## Description of the task
Repeat precisely the span of lines below that opens with the line containing "#199=IFCMATERIAL('Glass, clear low-iron" and closes with the line containing "#204=IFCMATERIALLAYERSET((#203),'CW PANEL IGU", both included.

Records contained in a dataset
•••
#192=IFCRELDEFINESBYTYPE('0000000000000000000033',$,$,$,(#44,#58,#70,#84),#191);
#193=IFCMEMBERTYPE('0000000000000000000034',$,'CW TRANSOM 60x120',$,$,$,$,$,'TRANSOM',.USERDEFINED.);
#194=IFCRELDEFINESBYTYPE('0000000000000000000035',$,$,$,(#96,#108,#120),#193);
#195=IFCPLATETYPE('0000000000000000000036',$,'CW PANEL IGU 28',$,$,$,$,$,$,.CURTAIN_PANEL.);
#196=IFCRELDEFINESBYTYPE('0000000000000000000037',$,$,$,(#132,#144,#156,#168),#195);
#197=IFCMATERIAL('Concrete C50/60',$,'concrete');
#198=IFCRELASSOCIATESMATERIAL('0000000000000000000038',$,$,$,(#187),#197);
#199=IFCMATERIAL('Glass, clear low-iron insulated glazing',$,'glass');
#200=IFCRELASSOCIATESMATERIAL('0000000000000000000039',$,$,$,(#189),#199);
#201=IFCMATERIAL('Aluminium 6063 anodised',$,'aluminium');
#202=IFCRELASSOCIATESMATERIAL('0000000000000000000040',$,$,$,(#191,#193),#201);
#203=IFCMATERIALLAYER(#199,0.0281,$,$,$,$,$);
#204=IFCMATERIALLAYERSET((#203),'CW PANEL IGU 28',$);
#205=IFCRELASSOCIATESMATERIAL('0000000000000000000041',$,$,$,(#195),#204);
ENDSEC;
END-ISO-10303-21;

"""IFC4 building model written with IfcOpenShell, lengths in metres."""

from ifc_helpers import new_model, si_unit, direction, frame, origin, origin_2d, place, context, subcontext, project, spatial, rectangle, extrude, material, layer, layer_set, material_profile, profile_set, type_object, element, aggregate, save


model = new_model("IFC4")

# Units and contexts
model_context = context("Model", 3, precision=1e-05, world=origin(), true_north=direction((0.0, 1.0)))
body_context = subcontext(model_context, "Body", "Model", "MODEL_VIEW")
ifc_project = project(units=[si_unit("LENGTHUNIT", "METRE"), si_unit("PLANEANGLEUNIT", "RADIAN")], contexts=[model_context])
•••
## Exercise response
#199=IFCMATERIAL('Glass, clear low-iron insulated glazing',$,'glass');
#200=IFCRELASSOCIATESMATERIAL('0000000000000000000039',$,$,$,(#189),#199);
#201=IFCMATERIAL('Aluminium 6063 anodised',$,'aluminium');
#202=IFCRELASSOCIATESMATERIAL('0000000000000000000040',$,$,$,(#191,#193),#201);
#203=IFCMATERIALLAYER(#199,0.0281,$,$,$,$,$);
#204=IFCMATERIALLAYERSET((#203),'CW PANEL IGU 28',$);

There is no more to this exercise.